Source records
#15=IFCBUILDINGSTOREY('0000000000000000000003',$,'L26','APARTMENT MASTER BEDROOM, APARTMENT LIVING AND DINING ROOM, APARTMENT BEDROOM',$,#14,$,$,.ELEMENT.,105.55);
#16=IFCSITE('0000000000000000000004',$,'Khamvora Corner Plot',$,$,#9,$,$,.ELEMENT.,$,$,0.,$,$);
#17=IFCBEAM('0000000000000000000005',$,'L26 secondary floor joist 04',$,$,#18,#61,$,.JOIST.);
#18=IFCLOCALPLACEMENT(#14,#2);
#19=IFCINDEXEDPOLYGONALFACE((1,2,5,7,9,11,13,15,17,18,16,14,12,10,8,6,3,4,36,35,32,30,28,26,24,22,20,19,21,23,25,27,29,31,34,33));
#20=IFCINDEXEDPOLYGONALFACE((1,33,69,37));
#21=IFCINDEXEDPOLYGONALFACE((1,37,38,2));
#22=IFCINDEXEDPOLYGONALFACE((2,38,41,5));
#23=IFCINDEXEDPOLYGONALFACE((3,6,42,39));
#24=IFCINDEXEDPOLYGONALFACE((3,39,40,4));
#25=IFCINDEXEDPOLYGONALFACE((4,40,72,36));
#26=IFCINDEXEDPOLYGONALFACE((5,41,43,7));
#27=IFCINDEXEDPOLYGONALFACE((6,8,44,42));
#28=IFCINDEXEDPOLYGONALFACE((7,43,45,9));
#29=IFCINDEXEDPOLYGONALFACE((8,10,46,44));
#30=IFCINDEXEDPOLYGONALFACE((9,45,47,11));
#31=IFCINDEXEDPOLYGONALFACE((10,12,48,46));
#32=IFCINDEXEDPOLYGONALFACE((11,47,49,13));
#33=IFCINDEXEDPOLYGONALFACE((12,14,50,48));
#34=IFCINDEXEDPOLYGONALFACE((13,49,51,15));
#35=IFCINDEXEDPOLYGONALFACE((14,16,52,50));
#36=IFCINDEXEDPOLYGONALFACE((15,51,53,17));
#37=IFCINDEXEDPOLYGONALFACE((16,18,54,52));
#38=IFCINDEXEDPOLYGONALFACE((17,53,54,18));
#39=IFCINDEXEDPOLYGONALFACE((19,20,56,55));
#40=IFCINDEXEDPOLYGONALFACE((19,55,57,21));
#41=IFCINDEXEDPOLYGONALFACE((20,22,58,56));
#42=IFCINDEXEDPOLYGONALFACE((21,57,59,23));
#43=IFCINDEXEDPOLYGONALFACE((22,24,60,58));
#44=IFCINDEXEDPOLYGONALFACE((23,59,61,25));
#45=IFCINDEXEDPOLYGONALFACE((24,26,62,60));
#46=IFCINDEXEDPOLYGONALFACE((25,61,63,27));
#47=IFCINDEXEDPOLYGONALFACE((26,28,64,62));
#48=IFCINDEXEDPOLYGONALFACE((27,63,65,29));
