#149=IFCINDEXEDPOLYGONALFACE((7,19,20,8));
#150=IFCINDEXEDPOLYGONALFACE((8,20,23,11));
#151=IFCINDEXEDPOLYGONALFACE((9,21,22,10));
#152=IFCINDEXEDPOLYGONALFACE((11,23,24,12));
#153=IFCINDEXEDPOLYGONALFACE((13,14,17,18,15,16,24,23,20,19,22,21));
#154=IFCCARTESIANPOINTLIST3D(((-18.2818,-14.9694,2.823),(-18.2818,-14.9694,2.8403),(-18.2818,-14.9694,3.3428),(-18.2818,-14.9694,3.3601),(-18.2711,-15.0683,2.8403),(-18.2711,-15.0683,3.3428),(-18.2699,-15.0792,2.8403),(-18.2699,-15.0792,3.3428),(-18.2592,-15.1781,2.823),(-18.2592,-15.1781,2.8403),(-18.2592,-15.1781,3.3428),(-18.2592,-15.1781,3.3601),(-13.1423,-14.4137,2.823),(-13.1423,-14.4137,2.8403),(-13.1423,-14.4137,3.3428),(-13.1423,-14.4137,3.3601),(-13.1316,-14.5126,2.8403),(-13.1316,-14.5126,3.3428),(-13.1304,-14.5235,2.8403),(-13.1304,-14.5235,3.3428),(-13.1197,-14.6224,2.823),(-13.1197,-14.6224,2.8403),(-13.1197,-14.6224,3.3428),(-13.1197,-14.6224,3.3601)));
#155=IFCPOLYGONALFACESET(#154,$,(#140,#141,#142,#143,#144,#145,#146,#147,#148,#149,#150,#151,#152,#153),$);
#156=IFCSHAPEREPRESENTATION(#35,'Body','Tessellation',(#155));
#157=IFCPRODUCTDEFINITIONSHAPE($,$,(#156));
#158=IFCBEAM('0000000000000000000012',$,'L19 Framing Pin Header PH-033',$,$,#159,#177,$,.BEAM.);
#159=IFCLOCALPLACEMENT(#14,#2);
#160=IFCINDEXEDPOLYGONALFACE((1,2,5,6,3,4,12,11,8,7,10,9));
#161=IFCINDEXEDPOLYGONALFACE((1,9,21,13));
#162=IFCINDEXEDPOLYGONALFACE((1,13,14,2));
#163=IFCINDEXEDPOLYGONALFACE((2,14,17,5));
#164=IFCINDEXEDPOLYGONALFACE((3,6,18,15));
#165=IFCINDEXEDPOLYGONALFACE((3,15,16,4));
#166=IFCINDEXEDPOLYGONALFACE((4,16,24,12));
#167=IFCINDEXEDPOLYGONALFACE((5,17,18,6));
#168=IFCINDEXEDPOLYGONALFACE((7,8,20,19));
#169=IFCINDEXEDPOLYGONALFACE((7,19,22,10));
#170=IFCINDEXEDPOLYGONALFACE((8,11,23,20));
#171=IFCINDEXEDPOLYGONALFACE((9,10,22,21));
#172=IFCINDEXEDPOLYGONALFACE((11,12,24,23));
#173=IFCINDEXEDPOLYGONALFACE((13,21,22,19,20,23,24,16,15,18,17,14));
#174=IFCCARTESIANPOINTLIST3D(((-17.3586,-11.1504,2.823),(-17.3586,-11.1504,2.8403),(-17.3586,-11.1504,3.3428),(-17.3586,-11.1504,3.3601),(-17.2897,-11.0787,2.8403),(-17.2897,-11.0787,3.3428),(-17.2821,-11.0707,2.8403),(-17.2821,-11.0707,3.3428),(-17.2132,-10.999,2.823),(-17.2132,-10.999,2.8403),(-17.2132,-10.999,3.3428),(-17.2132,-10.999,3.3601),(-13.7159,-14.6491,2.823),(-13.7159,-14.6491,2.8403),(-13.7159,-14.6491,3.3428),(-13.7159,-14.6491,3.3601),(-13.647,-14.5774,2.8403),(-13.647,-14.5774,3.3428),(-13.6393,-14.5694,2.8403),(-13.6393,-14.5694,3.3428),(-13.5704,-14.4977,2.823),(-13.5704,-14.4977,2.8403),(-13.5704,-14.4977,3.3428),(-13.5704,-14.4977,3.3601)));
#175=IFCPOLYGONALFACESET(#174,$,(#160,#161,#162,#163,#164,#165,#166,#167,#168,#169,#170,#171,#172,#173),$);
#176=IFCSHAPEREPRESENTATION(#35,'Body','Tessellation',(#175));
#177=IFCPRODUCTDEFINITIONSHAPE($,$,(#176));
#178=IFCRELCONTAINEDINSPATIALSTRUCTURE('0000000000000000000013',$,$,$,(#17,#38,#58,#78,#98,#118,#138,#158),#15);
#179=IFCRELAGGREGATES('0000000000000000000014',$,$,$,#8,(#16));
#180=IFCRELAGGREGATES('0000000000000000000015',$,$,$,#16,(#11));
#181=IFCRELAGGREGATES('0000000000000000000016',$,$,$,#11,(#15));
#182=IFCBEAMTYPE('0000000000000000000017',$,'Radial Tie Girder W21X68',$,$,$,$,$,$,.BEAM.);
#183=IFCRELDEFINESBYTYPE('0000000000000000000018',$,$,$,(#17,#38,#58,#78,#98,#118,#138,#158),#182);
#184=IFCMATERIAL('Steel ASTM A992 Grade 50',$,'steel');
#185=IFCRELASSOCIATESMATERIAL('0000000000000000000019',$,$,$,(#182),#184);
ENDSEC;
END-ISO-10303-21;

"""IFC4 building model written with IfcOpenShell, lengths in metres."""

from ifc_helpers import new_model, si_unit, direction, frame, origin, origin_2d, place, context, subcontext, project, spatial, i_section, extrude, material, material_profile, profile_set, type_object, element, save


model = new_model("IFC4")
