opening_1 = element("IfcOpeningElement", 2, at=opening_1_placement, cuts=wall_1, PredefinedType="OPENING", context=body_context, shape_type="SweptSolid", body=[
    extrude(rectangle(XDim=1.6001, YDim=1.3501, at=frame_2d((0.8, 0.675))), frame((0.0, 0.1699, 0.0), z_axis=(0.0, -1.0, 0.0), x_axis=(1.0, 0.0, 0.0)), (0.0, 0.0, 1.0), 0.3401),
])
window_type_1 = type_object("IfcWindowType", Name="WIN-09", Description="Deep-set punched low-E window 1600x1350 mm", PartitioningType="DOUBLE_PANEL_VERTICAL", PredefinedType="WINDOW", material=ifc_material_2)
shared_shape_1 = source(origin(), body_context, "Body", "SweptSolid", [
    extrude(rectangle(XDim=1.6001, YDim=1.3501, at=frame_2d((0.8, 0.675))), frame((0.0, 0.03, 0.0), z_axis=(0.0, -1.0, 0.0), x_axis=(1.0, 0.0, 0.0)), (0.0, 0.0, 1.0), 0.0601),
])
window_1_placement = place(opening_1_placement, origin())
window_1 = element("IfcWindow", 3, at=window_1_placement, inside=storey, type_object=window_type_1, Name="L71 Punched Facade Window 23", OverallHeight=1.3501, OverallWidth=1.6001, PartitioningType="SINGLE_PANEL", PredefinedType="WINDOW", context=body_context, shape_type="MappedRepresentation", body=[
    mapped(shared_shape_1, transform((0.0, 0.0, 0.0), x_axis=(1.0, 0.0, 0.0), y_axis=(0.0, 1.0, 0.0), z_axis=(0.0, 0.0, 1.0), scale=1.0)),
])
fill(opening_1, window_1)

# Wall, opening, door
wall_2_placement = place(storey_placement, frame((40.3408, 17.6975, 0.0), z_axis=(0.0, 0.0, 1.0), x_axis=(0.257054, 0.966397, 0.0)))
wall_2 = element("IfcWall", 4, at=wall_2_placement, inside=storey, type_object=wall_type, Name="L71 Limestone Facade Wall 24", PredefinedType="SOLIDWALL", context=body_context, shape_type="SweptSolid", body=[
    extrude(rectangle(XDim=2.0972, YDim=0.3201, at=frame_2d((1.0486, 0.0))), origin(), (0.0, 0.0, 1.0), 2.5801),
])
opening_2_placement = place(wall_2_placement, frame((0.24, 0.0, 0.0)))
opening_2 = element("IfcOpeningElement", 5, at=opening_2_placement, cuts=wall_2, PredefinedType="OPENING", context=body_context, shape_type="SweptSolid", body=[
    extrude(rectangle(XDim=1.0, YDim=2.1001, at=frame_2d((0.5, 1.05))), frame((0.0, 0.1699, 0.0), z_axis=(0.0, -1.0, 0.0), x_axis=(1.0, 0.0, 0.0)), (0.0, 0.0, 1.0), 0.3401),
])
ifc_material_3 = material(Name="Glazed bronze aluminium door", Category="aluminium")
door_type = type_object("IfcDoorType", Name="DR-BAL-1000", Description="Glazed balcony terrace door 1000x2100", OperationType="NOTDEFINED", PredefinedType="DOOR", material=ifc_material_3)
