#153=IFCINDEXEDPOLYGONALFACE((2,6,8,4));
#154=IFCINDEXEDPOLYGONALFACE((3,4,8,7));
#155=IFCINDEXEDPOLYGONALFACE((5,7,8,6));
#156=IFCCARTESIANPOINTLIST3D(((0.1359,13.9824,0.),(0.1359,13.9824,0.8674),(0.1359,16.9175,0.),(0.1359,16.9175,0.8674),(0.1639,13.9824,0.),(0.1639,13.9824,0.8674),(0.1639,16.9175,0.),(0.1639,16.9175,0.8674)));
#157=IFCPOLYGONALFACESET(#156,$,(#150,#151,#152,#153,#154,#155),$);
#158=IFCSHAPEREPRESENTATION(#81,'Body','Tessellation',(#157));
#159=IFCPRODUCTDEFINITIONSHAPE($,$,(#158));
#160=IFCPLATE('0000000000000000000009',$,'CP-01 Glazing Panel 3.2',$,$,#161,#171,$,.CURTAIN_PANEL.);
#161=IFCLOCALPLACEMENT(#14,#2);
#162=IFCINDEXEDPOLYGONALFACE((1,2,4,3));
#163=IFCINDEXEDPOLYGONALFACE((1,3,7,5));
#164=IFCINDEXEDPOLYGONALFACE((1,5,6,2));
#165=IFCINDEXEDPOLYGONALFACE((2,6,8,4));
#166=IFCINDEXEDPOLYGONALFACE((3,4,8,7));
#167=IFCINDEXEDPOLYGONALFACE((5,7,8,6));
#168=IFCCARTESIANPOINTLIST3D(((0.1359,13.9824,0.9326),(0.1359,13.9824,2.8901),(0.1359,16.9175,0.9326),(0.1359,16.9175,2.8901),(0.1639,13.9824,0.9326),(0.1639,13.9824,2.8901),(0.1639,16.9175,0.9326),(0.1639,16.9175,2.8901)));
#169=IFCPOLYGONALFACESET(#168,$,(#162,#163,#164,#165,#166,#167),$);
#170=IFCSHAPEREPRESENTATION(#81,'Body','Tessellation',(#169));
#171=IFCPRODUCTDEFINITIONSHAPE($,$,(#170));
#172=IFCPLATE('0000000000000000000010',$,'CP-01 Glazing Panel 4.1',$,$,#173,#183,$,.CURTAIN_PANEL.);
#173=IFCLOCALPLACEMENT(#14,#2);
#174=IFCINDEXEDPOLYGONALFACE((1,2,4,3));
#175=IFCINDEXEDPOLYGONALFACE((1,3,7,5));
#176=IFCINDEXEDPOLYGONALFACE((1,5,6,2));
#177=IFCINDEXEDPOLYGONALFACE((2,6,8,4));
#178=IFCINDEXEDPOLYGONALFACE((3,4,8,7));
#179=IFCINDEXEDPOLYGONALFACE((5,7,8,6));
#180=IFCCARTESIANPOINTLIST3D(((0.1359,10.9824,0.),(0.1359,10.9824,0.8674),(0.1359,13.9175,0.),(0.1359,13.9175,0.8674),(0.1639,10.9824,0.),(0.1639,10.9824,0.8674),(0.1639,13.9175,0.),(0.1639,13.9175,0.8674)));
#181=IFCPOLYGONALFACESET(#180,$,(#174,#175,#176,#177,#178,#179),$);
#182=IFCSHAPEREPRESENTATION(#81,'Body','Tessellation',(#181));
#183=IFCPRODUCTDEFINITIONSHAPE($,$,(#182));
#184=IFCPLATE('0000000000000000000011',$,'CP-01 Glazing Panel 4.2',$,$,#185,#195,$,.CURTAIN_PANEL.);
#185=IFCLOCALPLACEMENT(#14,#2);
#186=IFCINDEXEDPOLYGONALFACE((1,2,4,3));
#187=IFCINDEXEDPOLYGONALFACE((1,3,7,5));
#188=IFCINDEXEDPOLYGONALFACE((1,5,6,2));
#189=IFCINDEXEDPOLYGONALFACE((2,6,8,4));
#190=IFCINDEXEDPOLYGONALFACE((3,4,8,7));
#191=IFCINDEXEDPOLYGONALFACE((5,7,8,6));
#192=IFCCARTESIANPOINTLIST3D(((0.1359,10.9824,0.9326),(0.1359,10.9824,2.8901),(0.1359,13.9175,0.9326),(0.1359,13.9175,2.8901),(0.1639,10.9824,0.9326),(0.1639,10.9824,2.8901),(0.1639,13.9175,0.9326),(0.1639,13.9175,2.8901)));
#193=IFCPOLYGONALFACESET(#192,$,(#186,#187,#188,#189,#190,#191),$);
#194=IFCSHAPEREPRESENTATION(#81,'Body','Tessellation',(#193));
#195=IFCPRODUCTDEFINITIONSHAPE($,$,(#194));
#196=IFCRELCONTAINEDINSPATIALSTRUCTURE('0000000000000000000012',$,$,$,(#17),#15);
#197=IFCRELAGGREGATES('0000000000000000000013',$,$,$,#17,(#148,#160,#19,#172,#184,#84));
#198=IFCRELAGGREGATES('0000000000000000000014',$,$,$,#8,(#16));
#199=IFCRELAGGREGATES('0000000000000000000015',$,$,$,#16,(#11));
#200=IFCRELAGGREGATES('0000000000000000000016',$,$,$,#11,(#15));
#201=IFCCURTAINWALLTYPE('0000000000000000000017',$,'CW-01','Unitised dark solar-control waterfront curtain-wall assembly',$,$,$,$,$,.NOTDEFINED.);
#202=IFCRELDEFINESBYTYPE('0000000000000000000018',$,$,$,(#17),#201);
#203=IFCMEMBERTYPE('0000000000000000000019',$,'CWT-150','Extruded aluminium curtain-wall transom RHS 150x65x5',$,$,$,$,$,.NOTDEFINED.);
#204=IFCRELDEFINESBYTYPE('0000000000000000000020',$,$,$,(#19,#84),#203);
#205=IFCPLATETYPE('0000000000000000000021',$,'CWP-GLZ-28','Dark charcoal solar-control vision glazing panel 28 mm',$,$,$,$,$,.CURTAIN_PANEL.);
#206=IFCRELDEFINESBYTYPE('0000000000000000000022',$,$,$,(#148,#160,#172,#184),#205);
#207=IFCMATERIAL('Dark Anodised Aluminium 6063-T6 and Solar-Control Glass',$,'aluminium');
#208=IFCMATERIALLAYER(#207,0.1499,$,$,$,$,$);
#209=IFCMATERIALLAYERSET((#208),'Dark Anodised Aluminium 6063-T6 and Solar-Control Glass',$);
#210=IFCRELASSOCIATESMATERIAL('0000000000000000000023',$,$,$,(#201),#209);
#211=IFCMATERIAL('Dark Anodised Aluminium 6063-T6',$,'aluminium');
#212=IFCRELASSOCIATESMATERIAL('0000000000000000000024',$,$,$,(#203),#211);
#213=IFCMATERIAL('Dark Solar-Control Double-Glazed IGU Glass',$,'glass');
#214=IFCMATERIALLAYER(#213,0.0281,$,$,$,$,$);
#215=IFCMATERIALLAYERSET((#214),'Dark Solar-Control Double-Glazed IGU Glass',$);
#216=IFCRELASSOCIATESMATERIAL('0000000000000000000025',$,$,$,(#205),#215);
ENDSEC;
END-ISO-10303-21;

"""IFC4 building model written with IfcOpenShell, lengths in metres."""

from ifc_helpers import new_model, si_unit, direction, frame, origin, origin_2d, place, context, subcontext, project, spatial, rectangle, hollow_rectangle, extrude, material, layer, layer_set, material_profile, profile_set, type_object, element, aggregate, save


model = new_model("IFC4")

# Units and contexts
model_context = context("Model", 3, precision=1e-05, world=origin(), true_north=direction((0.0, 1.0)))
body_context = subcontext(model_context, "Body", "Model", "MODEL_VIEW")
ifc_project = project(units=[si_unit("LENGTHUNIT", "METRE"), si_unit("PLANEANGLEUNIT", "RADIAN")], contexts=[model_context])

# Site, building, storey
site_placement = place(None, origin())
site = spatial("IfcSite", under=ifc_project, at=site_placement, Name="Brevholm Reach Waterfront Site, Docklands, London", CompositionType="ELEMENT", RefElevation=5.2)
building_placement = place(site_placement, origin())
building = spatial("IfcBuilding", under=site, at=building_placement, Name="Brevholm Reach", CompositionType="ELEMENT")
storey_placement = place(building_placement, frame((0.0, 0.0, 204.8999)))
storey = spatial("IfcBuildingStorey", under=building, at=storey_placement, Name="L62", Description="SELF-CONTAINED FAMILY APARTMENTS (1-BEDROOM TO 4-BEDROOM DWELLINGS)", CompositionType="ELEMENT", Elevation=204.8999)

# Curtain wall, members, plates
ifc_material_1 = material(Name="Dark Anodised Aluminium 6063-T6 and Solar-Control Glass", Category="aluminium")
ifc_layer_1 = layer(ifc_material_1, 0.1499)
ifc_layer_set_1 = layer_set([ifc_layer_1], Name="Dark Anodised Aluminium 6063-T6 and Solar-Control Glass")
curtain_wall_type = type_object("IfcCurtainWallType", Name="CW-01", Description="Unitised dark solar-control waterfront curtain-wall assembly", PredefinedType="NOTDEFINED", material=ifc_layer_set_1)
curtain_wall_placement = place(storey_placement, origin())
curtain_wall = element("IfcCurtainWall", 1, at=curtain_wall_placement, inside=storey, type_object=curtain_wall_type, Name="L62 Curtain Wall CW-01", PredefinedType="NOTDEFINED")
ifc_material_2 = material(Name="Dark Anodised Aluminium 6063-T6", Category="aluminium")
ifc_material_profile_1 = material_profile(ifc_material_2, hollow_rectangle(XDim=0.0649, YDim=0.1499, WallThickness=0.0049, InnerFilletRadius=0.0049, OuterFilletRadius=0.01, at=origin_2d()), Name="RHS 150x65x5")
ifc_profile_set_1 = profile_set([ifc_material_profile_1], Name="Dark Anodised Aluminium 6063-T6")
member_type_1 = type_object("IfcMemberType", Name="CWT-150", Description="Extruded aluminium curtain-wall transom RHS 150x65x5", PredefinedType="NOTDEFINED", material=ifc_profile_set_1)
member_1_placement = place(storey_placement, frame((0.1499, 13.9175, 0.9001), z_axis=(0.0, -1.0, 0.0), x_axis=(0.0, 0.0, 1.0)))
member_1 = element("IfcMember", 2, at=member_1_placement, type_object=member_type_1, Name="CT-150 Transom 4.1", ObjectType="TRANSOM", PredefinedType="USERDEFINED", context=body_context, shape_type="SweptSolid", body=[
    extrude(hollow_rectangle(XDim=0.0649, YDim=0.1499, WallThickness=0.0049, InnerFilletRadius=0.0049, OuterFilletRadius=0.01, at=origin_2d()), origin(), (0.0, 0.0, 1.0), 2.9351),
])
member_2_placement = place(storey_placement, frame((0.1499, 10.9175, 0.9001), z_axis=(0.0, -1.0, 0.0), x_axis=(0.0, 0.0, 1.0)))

Problem to work on
Nothing but a number should be given: the count of lines in the data above with the word "door".

Result for this task
3